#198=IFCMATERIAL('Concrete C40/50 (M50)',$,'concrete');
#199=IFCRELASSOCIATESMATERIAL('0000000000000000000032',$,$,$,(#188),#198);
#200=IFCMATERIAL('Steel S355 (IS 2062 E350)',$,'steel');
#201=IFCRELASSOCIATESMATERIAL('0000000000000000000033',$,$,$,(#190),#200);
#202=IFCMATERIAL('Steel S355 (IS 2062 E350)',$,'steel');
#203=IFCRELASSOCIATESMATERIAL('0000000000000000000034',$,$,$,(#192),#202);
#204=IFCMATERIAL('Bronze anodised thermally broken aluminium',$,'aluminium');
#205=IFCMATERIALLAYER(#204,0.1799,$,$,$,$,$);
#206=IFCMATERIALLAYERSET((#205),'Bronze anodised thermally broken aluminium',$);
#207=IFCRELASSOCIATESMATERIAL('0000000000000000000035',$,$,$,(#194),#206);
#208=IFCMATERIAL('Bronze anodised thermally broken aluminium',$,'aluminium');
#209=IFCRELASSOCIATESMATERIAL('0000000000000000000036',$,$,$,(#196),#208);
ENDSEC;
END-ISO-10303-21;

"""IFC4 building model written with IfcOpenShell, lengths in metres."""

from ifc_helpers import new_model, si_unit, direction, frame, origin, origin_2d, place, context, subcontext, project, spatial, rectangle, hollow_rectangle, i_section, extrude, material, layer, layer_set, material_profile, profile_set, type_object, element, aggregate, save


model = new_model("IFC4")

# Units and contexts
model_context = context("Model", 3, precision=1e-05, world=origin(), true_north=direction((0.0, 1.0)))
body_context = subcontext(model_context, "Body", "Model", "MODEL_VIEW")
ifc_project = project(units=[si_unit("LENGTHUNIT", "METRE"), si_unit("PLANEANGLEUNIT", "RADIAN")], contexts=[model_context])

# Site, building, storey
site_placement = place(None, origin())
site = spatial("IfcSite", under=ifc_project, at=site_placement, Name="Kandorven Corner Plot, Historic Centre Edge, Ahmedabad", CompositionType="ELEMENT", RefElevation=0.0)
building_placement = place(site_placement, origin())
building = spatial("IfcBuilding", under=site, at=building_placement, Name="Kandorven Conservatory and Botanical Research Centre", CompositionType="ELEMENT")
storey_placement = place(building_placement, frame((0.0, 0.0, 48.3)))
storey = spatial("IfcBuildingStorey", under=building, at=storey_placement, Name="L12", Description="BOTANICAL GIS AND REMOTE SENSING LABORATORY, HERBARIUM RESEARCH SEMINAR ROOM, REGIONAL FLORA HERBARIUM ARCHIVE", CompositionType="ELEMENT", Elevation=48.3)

==

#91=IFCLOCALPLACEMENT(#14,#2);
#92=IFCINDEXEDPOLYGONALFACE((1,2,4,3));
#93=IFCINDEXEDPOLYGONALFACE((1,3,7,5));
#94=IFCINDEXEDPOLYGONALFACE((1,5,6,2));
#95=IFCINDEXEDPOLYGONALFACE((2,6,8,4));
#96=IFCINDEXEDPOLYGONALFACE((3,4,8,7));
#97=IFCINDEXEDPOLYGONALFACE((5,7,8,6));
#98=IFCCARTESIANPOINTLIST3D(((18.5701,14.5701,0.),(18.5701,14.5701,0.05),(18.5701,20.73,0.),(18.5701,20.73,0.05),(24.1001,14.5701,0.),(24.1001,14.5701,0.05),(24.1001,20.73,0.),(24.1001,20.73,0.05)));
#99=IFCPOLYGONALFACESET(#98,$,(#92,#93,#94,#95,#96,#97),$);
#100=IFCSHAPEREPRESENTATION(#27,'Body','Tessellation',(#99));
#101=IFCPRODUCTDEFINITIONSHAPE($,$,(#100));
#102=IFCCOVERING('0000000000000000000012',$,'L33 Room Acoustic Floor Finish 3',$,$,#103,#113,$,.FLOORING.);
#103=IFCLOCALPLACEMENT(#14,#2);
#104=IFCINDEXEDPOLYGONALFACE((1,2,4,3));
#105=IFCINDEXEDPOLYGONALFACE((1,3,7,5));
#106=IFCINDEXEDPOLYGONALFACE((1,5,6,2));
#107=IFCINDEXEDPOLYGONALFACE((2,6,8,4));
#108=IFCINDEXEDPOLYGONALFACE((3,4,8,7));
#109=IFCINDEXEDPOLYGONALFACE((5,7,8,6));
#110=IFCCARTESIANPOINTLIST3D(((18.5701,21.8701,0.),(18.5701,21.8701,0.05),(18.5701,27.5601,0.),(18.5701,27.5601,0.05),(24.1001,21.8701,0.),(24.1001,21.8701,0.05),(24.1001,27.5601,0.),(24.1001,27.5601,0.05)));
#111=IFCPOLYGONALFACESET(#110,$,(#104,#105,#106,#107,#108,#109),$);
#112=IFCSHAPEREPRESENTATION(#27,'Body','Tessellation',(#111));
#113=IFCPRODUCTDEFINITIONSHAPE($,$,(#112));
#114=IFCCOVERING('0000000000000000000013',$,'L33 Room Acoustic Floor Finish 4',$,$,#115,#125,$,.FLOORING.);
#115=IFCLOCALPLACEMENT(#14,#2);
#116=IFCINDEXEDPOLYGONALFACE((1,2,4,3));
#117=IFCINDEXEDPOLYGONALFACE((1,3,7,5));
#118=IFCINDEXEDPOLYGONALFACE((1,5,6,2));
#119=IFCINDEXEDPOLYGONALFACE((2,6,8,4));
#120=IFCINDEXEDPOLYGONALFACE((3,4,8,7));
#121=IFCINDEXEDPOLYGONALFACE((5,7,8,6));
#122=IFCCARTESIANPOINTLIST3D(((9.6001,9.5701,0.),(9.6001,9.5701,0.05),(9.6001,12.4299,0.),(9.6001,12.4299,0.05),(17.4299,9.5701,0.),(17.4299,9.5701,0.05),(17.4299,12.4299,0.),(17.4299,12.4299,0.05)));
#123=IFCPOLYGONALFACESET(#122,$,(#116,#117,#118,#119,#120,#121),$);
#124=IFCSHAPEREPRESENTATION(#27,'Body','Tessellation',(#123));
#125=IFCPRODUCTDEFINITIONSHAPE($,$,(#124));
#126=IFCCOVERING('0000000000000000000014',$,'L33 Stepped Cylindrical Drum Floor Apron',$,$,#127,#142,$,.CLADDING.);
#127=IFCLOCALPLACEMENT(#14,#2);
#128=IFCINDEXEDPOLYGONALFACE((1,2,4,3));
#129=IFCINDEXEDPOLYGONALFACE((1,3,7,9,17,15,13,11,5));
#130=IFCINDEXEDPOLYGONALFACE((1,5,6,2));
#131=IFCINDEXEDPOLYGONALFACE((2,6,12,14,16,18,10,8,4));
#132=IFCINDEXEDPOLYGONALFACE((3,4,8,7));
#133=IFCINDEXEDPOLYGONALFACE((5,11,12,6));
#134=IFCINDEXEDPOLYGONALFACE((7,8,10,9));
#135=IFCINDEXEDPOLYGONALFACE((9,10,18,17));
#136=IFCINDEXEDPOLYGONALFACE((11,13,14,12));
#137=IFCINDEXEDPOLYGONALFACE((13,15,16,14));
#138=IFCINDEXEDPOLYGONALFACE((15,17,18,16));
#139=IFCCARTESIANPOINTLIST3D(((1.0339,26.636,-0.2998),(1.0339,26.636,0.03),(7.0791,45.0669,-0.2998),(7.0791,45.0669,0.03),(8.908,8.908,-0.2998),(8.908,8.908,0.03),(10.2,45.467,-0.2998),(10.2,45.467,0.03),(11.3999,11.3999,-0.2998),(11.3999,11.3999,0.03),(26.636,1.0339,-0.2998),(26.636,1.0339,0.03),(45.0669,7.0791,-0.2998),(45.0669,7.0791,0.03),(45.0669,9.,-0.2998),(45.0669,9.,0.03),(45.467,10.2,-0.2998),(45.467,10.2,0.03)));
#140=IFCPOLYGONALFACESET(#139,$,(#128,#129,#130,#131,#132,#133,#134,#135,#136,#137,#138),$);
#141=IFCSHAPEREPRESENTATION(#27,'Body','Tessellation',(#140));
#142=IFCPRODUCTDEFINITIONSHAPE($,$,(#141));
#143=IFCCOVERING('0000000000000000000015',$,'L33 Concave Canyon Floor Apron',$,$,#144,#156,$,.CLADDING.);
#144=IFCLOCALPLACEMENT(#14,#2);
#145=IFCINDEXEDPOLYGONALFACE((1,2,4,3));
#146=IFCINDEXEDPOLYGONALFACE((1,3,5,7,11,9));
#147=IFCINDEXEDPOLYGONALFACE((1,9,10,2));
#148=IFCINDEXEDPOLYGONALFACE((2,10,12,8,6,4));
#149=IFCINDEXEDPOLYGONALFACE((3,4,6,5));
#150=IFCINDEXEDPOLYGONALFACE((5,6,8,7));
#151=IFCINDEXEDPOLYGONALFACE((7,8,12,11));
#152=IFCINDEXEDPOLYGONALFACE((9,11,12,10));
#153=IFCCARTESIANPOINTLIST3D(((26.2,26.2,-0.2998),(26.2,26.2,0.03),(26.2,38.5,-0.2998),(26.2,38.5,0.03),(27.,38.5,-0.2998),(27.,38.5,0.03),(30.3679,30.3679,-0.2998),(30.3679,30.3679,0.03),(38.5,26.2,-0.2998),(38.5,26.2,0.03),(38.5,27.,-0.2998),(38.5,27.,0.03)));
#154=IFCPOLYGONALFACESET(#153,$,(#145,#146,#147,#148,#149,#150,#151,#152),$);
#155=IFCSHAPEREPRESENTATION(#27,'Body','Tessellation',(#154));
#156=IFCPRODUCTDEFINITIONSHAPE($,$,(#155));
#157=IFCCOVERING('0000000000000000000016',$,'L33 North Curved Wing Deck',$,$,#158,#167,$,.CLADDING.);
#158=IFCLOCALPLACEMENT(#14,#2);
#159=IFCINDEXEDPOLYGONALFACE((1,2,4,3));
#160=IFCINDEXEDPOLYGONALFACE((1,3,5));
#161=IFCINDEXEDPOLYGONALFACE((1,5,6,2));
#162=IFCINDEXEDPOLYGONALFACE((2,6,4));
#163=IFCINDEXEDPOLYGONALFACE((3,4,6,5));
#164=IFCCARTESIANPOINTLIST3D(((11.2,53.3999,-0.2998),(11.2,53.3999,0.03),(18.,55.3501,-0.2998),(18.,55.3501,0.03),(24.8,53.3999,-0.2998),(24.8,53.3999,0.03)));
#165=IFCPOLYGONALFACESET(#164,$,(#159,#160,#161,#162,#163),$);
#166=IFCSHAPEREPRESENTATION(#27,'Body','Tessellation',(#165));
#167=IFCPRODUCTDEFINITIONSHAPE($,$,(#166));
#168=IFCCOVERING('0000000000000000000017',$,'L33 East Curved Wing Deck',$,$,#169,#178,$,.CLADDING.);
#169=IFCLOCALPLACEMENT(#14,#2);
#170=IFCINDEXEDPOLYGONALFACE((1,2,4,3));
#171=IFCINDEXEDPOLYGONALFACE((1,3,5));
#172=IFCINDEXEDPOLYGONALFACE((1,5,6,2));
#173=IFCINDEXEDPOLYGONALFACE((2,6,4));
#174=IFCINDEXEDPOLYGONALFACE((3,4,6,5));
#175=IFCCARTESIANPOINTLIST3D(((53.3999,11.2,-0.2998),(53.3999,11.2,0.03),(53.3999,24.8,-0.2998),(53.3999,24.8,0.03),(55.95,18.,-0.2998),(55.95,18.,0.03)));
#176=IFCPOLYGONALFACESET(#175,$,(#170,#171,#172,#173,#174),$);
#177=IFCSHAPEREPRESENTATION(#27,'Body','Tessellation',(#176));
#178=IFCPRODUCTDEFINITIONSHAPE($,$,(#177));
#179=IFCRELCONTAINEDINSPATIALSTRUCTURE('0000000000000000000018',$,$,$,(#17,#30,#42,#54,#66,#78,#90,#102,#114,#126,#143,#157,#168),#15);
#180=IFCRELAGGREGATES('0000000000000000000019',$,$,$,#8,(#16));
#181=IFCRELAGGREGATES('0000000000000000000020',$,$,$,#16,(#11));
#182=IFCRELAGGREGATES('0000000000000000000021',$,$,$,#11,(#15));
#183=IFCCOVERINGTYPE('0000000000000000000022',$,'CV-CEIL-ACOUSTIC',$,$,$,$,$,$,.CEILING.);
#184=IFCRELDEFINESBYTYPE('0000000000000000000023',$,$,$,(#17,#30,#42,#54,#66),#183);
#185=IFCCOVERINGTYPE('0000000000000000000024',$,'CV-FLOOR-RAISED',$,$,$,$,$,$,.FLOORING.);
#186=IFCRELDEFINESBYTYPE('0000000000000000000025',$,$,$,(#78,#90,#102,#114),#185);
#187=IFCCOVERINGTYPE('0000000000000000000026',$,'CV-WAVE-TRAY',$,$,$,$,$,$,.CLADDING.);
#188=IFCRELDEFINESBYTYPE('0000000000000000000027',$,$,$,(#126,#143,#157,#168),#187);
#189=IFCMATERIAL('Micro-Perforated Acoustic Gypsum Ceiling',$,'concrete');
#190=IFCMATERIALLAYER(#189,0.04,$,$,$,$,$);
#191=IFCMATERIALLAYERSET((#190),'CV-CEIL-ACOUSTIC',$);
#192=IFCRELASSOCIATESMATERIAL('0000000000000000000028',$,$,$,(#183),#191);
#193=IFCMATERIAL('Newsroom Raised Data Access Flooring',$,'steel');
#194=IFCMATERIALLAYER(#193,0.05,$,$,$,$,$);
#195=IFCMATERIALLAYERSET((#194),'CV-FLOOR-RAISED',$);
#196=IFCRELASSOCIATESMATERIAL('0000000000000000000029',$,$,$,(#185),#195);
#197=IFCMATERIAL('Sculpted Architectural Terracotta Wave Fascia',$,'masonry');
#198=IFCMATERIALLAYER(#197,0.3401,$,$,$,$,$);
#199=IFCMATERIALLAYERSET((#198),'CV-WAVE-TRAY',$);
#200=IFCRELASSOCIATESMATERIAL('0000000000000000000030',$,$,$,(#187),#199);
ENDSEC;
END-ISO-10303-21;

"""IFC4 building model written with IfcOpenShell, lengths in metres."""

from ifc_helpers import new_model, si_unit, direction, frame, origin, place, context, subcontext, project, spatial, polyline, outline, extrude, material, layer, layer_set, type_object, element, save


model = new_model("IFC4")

§ **YOUR INSTRUCTIONS**:
Tally the lines of the listing that contain "Deck" and give the tally alone.

§ **EXERCISE RESPONSE**:
2